Check the records below line by line, and report how many lines include the string "IfcMemberType". No other words are needed.

**Records excerpted from a collection**
********

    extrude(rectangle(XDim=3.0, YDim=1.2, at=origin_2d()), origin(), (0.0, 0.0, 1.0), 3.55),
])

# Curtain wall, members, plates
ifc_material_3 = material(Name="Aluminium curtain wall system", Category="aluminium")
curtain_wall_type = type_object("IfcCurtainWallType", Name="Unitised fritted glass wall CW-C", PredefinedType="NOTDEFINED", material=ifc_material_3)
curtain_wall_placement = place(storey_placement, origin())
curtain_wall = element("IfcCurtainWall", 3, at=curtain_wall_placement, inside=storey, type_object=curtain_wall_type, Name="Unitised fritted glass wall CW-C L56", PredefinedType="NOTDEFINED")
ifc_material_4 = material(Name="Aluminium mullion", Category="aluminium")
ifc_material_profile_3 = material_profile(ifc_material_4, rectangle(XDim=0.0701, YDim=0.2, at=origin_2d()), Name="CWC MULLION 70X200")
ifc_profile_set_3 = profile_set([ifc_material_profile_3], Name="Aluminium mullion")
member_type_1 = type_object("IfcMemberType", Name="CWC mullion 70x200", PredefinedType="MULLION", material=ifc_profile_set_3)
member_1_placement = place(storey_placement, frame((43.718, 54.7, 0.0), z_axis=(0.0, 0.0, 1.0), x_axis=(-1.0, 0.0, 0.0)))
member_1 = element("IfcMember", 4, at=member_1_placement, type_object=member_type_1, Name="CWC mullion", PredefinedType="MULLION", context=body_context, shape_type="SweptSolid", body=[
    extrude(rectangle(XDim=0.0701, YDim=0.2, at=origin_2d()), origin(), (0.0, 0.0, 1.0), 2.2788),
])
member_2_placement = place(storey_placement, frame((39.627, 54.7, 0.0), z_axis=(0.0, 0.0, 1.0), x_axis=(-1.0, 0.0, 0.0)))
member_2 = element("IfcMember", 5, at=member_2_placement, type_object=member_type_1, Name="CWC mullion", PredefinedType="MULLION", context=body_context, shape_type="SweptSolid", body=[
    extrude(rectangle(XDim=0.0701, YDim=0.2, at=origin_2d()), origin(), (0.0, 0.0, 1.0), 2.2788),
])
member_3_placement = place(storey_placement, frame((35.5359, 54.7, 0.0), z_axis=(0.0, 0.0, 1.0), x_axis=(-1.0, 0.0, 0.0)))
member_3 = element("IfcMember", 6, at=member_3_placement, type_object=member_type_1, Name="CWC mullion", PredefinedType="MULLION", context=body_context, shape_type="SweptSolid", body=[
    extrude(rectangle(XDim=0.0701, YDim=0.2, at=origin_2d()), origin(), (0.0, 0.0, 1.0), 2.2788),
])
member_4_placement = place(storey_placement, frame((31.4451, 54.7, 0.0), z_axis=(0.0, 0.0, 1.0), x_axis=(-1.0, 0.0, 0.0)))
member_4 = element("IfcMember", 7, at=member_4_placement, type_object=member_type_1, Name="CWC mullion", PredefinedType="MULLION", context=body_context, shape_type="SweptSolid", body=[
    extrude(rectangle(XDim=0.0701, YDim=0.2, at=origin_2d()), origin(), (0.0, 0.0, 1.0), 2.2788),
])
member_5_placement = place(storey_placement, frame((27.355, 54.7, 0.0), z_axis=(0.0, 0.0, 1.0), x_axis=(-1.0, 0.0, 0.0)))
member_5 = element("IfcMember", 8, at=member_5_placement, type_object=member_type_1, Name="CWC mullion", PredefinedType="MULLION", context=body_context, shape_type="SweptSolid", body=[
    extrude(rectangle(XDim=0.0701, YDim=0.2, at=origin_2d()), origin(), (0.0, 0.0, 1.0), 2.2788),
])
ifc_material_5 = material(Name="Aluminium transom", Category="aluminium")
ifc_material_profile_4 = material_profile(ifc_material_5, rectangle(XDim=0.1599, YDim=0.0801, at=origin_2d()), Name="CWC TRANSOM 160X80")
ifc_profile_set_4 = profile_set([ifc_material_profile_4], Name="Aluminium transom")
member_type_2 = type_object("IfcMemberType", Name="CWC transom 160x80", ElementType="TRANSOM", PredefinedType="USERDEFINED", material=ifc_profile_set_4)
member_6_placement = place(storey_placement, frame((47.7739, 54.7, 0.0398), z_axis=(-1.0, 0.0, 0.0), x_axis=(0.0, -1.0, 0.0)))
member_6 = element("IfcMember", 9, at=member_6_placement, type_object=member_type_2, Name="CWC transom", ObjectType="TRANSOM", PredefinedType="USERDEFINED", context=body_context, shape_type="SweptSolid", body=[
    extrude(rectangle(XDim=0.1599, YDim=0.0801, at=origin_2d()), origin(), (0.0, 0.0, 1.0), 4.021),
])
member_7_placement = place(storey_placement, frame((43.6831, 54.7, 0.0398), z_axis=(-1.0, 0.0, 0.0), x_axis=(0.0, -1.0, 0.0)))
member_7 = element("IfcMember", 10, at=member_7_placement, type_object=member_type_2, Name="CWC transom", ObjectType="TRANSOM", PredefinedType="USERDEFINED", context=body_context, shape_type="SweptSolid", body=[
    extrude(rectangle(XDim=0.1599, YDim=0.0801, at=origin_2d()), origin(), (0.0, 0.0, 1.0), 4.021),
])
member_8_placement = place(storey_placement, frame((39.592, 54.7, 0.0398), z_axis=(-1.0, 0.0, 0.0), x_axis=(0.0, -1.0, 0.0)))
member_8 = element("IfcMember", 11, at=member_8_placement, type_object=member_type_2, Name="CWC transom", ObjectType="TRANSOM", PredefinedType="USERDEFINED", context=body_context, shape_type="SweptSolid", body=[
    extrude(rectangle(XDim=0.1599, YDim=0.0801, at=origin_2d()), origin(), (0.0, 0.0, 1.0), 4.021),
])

********

**ANSWER TO THE EXERCISE**
2